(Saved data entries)
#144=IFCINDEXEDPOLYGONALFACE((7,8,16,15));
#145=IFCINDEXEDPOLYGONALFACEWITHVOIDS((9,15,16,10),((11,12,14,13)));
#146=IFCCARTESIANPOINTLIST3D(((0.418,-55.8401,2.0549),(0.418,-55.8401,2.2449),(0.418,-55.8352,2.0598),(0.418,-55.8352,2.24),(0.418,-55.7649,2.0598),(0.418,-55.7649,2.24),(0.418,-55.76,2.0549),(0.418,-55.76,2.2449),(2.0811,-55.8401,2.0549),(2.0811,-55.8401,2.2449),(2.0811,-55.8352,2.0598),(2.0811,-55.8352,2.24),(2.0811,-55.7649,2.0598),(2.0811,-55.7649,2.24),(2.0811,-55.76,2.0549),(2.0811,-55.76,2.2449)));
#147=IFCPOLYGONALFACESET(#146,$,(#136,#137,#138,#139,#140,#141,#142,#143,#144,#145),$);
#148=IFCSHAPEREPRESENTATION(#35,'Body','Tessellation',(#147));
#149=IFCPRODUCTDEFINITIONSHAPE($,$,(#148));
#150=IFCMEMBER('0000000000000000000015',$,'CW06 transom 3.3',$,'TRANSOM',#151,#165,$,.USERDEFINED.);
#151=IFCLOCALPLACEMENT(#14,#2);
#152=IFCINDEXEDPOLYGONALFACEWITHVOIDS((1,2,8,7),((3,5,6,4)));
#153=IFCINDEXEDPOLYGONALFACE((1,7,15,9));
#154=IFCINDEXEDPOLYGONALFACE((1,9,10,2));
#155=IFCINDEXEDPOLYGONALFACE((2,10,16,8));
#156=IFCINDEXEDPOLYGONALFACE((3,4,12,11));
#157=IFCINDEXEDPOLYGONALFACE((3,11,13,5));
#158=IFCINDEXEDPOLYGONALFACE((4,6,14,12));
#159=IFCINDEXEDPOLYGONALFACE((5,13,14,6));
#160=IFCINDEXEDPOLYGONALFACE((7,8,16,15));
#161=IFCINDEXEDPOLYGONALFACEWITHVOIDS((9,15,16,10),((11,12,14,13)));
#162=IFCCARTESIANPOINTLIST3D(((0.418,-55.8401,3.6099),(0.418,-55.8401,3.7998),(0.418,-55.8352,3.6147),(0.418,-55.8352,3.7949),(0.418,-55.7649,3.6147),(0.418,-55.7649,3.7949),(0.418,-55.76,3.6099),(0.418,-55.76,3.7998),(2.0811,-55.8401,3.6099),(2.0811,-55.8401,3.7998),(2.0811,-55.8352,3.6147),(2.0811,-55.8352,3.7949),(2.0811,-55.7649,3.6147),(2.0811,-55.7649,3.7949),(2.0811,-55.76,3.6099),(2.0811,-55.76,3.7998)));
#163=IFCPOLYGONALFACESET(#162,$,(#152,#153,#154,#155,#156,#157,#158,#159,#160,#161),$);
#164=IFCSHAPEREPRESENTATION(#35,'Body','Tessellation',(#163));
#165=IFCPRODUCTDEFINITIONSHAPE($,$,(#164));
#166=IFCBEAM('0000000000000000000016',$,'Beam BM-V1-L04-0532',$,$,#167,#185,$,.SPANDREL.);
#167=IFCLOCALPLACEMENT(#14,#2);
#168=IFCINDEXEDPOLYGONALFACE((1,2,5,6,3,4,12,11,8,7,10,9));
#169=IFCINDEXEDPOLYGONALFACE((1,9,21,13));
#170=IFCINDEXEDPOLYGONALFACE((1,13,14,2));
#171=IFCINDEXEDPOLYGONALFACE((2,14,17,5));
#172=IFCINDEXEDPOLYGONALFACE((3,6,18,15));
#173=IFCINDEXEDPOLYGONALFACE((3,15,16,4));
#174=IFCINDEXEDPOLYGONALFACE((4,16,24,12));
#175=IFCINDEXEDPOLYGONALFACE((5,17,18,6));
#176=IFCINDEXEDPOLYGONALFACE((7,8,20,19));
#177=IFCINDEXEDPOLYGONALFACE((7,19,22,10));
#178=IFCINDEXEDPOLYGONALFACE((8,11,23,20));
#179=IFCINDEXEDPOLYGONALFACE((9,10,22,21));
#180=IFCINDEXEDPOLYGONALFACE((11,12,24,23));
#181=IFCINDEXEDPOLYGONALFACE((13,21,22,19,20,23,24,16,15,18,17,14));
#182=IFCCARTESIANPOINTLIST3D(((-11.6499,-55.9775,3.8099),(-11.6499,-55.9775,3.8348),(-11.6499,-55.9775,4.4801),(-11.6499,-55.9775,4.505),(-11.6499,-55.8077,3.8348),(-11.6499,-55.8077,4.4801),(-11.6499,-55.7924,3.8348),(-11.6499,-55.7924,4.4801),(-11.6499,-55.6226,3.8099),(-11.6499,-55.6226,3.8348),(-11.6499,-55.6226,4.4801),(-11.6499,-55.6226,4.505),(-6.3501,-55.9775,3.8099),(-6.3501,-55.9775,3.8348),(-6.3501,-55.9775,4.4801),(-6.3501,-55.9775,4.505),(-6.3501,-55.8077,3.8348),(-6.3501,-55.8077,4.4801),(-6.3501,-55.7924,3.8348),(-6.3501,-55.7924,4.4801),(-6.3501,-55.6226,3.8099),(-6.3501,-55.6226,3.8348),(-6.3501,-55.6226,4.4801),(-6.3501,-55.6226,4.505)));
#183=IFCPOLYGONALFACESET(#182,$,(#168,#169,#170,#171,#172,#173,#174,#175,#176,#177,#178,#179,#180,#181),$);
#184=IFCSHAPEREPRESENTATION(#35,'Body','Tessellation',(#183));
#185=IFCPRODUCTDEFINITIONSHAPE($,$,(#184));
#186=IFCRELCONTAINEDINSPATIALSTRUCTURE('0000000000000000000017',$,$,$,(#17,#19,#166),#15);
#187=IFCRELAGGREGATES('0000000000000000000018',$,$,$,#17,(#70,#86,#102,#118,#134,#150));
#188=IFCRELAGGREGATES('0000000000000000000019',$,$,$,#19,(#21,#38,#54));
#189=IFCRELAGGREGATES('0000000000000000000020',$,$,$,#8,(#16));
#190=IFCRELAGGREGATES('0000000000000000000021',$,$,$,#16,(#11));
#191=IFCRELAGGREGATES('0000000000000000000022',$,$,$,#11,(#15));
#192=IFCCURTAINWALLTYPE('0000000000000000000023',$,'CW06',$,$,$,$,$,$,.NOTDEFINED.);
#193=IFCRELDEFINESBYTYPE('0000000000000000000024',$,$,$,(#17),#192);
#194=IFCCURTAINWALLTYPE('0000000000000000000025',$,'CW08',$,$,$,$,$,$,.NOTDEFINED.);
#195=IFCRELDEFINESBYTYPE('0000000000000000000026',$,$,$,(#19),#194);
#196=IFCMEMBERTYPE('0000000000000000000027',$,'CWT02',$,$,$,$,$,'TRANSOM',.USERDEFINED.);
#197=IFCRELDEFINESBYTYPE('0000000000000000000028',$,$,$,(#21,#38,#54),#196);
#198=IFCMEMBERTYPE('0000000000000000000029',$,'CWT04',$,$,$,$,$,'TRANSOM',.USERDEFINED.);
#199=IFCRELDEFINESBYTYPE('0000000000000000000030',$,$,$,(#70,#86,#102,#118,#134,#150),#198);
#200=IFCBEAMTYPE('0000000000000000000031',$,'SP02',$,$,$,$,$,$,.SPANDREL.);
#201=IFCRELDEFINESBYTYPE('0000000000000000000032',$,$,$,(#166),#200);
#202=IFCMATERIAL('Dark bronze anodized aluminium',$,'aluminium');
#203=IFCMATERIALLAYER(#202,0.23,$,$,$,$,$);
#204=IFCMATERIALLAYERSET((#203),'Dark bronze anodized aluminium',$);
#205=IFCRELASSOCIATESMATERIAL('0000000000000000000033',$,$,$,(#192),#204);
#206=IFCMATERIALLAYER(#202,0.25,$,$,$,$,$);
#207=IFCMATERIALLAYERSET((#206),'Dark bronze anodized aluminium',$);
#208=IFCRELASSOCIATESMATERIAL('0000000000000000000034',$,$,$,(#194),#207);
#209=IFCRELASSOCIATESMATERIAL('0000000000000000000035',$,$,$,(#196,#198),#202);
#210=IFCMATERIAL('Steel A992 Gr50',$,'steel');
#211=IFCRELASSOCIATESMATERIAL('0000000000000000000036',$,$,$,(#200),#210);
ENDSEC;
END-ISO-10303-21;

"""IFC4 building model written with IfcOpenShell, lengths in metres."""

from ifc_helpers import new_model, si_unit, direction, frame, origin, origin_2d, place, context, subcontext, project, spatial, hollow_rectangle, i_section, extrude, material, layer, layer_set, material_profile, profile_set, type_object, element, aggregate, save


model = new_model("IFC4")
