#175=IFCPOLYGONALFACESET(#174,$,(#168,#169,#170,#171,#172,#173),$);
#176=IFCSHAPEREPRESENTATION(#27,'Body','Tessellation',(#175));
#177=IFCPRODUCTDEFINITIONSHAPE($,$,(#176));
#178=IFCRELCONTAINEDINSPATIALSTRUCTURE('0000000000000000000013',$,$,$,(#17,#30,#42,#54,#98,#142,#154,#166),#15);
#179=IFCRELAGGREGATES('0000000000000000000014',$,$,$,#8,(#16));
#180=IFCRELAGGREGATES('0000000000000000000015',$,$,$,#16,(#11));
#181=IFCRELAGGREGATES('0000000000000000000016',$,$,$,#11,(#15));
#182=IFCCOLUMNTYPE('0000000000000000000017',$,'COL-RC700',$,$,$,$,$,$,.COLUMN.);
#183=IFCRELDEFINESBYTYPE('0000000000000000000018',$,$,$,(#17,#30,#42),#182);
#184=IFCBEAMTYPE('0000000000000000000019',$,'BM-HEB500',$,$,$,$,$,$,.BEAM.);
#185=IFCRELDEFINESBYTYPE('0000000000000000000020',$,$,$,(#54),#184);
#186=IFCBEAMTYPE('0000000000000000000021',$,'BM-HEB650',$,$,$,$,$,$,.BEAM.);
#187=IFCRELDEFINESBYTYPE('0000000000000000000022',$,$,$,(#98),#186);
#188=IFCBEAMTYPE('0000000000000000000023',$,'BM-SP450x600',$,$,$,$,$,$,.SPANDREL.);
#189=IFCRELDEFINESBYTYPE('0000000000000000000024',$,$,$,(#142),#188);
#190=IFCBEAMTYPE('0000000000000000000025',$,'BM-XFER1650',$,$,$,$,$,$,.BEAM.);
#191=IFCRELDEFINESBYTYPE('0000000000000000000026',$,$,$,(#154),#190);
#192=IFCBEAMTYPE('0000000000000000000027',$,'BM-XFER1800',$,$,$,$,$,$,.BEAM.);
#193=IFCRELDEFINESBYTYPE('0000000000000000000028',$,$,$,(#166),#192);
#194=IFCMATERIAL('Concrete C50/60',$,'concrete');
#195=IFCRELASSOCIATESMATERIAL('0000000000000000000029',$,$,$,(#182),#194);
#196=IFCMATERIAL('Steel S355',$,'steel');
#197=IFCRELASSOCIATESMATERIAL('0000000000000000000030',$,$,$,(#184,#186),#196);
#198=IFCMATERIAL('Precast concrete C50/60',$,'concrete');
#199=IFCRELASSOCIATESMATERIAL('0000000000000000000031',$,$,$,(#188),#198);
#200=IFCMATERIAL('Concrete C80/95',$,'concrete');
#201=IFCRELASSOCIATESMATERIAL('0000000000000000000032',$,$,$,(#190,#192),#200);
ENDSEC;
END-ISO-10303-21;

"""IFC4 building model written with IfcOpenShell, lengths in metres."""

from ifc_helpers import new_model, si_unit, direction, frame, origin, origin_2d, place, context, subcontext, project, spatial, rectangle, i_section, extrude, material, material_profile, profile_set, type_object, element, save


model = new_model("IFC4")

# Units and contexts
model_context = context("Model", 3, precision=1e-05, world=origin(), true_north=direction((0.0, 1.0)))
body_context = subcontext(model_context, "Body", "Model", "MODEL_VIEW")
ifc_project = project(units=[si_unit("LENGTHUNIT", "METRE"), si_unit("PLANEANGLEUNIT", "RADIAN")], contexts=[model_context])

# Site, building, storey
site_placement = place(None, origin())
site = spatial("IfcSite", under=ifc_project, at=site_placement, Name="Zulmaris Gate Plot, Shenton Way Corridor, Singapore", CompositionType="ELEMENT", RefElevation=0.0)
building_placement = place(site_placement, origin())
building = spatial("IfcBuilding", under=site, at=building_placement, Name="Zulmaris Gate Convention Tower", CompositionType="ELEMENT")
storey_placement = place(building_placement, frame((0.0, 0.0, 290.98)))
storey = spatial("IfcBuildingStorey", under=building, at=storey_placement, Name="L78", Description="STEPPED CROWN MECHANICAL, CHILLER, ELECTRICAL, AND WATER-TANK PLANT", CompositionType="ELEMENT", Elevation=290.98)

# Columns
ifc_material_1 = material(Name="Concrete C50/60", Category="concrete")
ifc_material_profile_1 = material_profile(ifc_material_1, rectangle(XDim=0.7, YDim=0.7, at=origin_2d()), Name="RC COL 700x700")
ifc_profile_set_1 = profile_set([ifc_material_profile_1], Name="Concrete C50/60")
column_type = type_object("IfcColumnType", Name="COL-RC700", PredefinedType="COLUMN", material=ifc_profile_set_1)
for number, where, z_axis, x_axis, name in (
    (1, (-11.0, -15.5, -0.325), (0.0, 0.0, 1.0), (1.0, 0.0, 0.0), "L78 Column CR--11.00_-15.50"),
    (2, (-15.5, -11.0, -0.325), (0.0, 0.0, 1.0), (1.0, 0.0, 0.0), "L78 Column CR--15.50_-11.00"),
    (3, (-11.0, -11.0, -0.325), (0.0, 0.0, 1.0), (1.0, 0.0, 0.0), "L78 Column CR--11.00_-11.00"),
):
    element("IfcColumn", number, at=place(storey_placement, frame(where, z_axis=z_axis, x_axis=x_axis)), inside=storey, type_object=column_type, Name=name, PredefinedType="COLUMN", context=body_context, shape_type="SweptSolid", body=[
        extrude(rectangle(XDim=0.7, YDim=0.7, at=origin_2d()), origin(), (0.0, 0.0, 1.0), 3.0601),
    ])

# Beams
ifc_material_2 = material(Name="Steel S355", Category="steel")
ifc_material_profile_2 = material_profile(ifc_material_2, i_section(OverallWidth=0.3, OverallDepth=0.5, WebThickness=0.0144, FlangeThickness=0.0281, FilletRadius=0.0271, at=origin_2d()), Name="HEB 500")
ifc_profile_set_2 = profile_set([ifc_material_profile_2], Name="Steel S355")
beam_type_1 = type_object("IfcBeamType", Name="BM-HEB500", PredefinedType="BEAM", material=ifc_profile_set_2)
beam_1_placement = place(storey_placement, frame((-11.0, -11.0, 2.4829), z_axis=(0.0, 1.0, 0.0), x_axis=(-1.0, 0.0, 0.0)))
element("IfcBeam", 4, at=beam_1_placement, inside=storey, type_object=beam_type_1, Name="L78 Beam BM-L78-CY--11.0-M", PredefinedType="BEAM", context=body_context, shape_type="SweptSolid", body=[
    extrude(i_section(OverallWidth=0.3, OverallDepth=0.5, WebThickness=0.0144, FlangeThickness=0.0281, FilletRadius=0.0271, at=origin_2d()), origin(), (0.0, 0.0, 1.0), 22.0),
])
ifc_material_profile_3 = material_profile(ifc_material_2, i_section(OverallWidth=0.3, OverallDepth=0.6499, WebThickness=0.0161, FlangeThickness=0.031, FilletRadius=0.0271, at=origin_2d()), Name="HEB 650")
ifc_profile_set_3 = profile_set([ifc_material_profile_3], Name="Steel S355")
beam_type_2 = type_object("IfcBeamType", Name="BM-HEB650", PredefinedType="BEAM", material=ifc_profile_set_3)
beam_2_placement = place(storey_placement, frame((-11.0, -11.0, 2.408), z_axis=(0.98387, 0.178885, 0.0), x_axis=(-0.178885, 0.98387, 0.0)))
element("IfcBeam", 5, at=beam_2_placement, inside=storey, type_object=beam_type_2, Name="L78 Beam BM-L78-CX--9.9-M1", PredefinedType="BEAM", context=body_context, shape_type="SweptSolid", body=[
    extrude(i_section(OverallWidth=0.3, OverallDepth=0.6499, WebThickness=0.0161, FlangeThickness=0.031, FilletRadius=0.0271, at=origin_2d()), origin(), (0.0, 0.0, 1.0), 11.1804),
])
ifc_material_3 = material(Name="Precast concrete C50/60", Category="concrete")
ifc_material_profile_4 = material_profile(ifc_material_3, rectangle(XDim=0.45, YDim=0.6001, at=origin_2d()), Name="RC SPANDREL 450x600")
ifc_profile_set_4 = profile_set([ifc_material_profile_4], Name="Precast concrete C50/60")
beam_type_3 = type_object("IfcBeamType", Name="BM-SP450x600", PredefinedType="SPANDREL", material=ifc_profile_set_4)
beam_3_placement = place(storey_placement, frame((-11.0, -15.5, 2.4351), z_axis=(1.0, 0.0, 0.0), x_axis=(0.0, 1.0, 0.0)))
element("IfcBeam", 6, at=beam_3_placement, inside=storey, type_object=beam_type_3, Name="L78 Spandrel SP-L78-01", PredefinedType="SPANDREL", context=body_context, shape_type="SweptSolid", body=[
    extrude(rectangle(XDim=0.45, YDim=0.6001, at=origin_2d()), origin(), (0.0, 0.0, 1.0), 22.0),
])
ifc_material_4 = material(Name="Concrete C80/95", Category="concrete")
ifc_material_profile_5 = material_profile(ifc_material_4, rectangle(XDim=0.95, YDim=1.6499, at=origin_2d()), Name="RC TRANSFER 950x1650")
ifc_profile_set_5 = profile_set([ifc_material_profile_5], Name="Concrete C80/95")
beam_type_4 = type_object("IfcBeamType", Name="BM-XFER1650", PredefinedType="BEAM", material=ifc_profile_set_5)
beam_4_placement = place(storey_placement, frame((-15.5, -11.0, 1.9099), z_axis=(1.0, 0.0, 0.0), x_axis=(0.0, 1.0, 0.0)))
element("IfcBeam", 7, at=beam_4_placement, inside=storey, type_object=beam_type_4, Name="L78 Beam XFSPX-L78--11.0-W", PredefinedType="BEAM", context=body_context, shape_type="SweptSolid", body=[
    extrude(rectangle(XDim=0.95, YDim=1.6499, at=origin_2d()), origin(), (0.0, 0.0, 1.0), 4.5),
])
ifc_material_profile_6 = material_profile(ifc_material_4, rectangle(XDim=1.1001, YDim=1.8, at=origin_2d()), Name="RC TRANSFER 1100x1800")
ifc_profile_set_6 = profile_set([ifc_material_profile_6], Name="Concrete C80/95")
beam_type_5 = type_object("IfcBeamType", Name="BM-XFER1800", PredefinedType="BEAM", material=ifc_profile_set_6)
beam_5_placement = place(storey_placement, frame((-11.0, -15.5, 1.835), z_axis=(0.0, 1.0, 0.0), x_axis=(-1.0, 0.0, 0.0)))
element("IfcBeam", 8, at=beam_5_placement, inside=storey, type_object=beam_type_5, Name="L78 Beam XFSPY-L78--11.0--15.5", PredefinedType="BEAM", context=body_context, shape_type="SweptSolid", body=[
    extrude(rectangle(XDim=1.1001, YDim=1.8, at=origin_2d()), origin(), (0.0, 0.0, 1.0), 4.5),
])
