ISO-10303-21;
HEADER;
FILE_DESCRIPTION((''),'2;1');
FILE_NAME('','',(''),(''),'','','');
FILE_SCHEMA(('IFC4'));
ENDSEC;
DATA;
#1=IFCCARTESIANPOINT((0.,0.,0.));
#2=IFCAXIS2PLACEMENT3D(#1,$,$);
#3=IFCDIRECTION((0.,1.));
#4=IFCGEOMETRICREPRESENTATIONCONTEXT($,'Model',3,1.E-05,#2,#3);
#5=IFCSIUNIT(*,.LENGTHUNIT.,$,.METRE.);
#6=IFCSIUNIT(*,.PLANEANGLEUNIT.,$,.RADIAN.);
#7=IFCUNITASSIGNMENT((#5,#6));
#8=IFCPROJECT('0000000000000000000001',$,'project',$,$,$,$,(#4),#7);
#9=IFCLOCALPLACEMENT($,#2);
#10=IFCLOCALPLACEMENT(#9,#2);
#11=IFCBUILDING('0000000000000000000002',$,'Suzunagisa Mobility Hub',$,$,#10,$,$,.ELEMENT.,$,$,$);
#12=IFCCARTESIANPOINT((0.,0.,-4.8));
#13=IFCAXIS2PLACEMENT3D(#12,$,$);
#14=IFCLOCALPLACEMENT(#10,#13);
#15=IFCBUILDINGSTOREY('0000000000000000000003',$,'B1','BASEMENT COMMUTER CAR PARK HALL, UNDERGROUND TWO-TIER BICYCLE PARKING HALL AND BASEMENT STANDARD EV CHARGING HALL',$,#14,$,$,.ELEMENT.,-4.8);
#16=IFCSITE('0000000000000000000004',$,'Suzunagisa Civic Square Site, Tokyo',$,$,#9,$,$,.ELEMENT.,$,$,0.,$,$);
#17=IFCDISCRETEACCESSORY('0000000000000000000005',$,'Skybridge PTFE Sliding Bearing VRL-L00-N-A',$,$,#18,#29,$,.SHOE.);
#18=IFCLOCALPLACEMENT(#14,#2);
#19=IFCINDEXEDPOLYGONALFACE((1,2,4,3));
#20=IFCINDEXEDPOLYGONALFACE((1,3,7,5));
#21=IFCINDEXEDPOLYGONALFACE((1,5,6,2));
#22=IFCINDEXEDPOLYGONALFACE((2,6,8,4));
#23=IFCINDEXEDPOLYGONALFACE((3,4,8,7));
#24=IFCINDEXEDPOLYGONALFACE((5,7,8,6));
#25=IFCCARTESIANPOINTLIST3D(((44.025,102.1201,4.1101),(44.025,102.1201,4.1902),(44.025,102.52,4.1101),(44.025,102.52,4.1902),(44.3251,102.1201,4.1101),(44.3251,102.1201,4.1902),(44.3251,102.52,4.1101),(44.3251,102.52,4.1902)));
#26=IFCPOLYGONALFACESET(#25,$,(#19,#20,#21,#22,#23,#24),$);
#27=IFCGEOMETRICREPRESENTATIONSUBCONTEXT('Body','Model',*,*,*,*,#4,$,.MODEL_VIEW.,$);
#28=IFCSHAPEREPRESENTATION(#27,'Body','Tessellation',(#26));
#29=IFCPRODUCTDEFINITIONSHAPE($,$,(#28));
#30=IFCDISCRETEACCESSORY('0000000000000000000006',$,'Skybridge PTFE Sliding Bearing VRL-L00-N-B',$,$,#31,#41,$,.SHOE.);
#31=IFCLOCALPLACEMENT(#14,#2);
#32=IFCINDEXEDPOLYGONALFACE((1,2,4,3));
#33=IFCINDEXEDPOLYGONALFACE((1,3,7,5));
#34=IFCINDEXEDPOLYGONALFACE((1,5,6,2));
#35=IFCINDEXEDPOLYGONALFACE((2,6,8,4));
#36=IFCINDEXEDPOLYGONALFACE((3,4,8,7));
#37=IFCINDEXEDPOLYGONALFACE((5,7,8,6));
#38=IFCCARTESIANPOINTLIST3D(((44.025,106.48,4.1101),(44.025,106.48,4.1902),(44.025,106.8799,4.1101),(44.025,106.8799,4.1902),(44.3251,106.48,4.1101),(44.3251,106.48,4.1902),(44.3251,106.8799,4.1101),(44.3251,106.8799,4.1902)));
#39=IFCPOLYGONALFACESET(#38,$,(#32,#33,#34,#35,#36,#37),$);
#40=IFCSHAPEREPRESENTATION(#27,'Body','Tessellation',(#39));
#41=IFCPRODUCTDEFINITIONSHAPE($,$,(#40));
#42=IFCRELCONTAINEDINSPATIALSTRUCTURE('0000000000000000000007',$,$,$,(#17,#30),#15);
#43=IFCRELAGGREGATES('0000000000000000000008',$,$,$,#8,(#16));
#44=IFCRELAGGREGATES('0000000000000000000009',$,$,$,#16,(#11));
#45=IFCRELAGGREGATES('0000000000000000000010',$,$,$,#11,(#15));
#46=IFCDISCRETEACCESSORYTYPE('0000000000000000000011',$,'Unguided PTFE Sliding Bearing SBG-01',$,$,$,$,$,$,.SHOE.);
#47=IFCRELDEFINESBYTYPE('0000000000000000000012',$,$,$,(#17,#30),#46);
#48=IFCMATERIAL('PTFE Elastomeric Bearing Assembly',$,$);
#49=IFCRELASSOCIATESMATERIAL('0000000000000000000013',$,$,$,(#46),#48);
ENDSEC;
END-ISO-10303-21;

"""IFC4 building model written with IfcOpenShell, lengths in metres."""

from ifc_helpers import new_model, si_unit, direction, frame, origin, origin_2d, place, context, subcontext, project, spatial, rectangle, extrude, material, type_object, element, save


model = new_model("IFC4")

# Units and contexts
model_context = context("Model", 3, precision=1e-05, world=origin(), true_north=direction((0.0, 1.0)))
body_context = subcontext(model_context, "Body", "Model", "MODEL_VIEW")
ifc_project = project(units=[si_unit("LENGTHUNIT", "METRE"), si_unit("PLANEANGLEUNIT", "RADIAN")], contexts=[model_context])

# Site, building, storey
site_placement = place(None, origin())
site = spatial("IfcSite", under=ifc_project, at=site_placement, Name="Suzunagisa Civic Square Site, Tokyo", CompositionType="ELEMENT", RefElevation=0.0)
building_placement = place(site_placement, origin())
building = spatial("IfcBuilding", under=site, at=building_placement, Name="Suzunagisa Mobility Hub", CompositionType="ELEMENT")
storey_placement = place(building_placement, frame((0.0, 0.0, -4.8)))
storey = spatial("IfcBuildingStorey", under=building, at=storey_placement, Name="B1", Description="BASEMENT COMMUTER CAR PARK HALL, UNDERGROUND TWO-TIER BICYCLE PARKING HALL AND BASEMENT STANDARD EV CHARGING HALL", CompositionType="ELEMENT", Elevation=-4.8)

# Discrete accessories
ifc_material_1 = material(Name="PTFE Elastomeric Bearing Assembly")
discrete_accessory_type = type_object("IfcDiscreteAccessoryType", Name="Unguided PTFE Sliding Bearing SBG-01", PredefinedType="SHOE", material=ifc_material_1)
for number, where, z_axis, x_axis, name in (
    (1, (44.175, 102.3201, 4.1101), (0.0, 0.0, 1.0), (1.0, 0.0, 0.0), "Skybridge PTFE Sliding Bearing VRL-L00-N-A"),
    (2, (44.175, 106.6799, 4.1101), (0.0, 0.0, 1.0), (1.0, 0.0, 0.0), "Skybridge PTFE Sliding Bearing VRL-L00-N-B"),
):
    element("IfcDiscreteAccessory", number, at=place(storey_placement, frame(where, z_axis=z_axis, x_axis=x_axis)), inside=storey, type_object=discrete_accessory_type, Name=name, PredefinedType="SHOE", context=body_context, shape_type="SweptSolid", body=[
        extrude(rectangle(XDim=0.3, YDim=0.3999, at=origin_2d()), origin(), (0.0, 0.0, 1.0), 0.0801),
    ])

save(model, "model.ifc")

About this task -> Look above for the line containing "#21=IFCINDEXEDPOLYGONALFACE((1,5,6,2));" and the line containing "#24=IFCINDEXEDPOLYGONALFACE((5,7,8,6));". Transcribe both, with the lines between them, exactly.

Result for this exercise ->
#21=IFCINDEXEDPOLYGONALFACE((1,5,6,2));
#22=IFCINDEXEDPOLYGONALFACE((2,6,8,4));
#23=IFCINDEXEDPOLYGONALFACE((3,4,8,7));
#24=IFCINDEXEDPOLYGONALFACE((5,7,8,6));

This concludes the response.